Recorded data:
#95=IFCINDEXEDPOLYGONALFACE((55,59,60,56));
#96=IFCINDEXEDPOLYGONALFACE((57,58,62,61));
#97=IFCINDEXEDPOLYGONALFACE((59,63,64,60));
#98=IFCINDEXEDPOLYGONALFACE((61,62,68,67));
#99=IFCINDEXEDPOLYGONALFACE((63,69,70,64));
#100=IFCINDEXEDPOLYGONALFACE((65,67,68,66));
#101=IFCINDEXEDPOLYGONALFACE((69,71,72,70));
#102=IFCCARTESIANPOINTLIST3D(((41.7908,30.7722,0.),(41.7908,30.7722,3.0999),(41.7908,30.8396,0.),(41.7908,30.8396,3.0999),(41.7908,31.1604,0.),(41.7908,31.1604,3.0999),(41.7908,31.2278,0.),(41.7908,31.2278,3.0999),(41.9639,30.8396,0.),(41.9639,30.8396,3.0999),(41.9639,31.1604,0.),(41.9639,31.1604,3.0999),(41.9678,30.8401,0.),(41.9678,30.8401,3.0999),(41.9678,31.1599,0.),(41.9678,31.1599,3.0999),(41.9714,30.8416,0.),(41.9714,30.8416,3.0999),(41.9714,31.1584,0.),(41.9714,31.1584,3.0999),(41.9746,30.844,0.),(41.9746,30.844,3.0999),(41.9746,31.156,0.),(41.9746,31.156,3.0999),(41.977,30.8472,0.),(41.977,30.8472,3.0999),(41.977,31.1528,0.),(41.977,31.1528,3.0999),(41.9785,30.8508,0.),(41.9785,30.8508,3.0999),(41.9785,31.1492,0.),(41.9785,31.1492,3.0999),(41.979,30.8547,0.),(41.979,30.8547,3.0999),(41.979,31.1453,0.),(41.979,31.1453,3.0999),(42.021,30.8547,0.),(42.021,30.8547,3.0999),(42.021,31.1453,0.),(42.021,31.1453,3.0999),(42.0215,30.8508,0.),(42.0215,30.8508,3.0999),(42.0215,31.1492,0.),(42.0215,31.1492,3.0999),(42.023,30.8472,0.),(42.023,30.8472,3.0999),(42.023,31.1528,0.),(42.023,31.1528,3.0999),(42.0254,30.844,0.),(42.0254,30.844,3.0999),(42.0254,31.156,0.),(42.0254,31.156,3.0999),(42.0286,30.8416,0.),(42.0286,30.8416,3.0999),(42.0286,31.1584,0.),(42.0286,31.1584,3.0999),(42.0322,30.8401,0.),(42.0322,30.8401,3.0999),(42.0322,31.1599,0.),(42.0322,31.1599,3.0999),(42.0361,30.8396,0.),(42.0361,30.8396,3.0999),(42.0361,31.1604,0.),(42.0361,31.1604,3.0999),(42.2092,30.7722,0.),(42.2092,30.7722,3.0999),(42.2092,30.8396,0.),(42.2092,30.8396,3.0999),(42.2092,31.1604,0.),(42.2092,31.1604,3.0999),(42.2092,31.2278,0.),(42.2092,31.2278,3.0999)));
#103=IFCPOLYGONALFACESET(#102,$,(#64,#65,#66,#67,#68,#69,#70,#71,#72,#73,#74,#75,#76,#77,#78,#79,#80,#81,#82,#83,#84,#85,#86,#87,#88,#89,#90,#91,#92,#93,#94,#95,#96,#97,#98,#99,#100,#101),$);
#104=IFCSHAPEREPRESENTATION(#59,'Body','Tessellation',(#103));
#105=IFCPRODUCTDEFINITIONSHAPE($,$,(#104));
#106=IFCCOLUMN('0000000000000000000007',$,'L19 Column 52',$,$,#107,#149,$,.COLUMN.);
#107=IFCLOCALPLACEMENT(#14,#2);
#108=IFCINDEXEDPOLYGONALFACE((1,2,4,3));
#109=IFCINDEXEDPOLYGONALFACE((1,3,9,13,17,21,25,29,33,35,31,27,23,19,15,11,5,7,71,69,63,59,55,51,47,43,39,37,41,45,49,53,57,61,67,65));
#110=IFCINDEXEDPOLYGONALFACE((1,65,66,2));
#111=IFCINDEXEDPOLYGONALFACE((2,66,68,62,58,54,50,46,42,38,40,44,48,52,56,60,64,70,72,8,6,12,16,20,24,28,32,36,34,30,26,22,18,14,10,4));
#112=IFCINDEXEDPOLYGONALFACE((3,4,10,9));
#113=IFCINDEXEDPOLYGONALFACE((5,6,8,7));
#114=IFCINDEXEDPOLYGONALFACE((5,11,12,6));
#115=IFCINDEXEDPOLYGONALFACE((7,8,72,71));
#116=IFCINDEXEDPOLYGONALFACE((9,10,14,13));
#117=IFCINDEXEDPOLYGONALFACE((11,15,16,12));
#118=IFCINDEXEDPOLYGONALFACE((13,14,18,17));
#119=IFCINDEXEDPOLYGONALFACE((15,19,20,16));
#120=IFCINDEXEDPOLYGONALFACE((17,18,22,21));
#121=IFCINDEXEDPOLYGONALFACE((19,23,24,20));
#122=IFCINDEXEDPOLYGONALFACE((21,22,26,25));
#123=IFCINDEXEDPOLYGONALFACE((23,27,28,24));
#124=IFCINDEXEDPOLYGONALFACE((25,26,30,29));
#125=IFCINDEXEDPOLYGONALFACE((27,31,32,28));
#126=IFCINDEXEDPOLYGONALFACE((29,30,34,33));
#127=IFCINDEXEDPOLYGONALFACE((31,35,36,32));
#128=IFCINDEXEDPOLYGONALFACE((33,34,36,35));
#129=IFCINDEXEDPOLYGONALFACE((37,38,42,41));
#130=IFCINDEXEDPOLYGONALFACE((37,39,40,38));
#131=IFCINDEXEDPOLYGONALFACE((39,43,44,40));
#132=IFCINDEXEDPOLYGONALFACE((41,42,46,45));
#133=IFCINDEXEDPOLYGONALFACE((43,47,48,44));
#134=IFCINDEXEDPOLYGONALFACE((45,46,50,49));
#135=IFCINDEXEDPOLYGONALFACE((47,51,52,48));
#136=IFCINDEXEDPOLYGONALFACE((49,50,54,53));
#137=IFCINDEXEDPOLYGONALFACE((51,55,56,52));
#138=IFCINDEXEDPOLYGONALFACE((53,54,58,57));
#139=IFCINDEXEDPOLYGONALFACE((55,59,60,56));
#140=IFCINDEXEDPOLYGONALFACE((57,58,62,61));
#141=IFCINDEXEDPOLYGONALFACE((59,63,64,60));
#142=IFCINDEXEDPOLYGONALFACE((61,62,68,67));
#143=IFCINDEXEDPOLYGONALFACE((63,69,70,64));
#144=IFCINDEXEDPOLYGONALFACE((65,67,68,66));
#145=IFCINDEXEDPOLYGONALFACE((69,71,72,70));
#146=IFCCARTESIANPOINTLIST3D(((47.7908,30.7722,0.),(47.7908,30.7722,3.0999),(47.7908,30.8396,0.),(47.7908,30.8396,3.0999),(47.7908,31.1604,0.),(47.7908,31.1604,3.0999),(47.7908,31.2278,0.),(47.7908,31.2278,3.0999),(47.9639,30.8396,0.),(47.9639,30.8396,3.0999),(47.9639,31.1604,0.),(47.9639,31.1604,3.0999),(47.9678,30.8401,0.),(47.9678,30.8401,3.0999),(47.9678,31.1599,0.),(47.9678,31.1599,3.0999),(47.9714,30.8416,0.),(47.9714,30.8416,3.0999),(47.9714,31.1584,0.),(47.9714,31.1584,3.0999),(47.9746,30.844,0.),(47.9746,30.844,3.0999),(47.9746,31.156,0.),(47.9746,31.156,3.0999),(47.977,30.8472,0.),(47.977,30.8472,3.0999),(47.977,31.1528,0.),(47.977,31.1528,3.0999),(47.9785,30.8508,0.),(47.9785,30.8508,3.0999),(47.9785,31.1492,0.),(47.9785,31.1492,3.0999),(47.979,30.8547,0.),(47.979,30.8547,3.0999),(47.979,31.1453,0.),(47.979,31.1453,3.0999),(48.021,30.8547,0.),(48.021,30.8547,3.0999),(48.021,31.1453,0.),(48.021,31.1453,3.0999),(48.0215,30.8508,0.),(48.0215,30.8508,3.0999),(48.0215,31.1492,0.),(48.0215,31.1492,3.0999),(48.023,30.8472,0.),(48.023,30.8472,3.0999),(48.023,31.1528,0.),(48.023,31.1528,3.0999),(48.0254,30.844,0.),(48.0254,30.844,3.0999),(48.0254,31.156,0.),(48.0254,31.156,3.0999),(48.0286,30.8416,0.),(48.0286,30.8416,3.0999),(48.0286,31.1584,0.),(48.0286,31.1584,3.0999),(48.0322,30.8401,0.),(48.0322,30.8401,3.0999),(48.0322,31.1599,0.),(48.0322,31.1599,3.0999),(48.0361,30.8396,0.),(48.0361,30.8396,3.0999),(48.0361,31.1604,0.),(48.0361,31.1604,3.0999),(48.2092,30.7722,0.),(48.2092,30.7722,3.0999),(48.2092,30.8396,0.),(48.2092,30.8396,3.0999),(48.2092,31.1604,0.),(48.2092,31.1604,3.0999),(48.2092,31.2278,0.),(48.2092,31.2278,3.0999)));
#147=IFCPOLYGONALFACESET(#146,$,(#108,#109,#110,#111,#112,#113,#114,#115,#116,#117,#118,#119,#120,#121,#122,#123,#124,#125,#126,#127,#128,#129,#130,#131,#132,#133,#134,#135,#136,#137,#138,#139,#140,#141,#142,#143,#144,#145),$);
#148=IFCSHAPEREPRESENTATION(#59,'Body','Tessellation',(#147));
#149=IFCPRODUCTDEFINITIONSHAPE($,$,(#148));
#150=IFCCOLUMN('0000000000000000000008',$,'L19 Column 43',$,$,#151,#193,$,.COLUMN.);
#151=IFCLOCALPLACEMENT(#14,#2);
==
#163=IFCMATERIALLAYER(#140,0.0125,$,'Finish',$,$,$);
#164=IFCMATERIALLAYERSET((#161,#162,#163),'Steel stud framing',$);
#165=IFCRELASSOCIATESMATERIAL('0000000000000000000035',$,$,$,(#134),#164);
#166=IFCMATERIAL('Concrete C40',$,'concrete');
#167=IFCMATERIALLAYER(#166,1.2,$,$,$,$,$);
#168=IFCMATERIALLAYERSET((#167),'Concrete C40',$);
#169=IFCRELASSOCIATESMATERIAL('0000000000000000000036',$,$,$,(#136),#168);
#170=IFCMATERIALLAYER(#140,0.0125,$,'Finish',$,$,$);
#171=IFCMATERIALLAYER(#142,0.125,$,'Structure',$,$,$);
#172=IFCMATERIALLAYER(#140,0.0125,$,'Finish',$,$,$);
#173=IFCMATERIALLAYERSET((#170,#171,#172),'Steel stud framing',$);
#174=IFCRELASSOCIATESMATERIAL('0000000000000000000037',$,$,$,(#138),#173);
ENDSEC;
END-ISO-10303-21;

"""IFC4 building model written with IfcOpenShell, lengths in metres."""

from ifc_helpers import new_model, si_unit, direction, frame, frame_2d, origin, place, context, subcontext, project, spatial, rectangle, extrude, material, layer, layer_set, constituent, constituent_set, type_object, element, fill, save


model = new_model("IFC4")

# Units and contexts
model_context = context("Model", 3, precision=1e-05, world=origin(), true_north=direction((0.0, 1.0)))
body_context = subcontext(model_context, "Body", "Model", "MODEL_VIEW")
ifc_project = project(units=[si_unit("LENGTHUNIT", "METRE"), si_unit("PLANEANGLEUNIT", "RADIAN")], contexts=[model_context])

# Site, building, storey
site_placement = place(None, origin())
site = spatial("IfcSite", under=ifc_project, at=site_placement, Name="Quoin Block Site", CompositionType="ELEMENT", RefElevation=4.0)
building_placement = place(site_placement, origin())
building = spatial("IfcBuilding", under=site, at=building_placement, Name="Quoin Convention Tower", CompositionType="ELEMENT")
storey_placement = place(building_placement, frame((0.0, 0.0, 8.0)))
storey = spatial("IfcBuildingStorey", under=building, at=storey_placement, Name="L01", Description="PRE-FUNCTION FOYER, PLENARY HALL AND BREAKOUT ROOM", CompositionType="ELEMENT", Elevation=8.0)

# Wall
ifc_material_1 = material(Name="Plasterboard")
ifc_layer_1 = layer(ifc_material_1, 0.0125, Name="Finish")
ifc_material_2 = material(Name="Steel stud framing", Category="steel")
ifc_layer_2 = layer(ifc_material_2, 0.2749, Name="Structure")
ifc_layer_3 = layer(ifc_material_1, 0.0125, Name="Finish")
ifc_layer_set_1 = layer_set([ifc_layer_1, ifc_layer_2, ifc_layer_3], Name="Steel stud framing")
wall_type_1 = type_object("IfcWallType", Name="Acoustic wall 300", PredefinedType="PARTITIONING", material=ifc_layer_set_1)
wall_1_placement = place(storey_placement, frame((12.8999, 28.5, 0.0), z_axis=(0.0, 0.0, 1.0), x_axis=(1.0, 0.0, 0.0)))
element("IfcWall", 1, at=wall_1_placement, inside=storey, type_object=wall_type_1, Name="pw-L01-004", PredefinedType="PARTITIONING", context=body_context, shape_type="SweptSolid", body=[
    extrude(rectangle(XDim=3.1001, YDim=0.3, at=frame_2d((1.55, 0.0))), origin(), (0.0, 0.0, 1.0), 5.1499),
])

Directions: Only the lines above starting at the one containing "#137=IFCINDEXEDPOLYGONALFACE((51,55,56,52));" and ending at the one containing "#145=IFCINDEXEDPOLYGONALFACE((69,71,72,70));", both included, are to be returned, exactly as they read.

Task answer:
#137=IFCINDEXEDPOLYGONALFACE((51,55,56,52));
#138=IFCINDEXEDPOLYGONALFACE((53,54,58,57));
#139=IFCINDEXEDPOLYGONALFACE((55,59,60,56));
#140=IFCINDEXEDPOLYGONALFACE((57,58,62,61));
#141=IFCINDEXEDPOLYGONALFACE((59,63,64,60));
#142=IFCINDEXEDPOLYGONALFACE((61,62,68,67));
#143=IFCINDEXEDPOLYGONALFACE((63,69,70,64));
#144=IFCINDEXEDPOLYGONALFACE((65,67,68,66));
#145=IFCINDEXEDPOLYGONALFACE((69,71,72,70));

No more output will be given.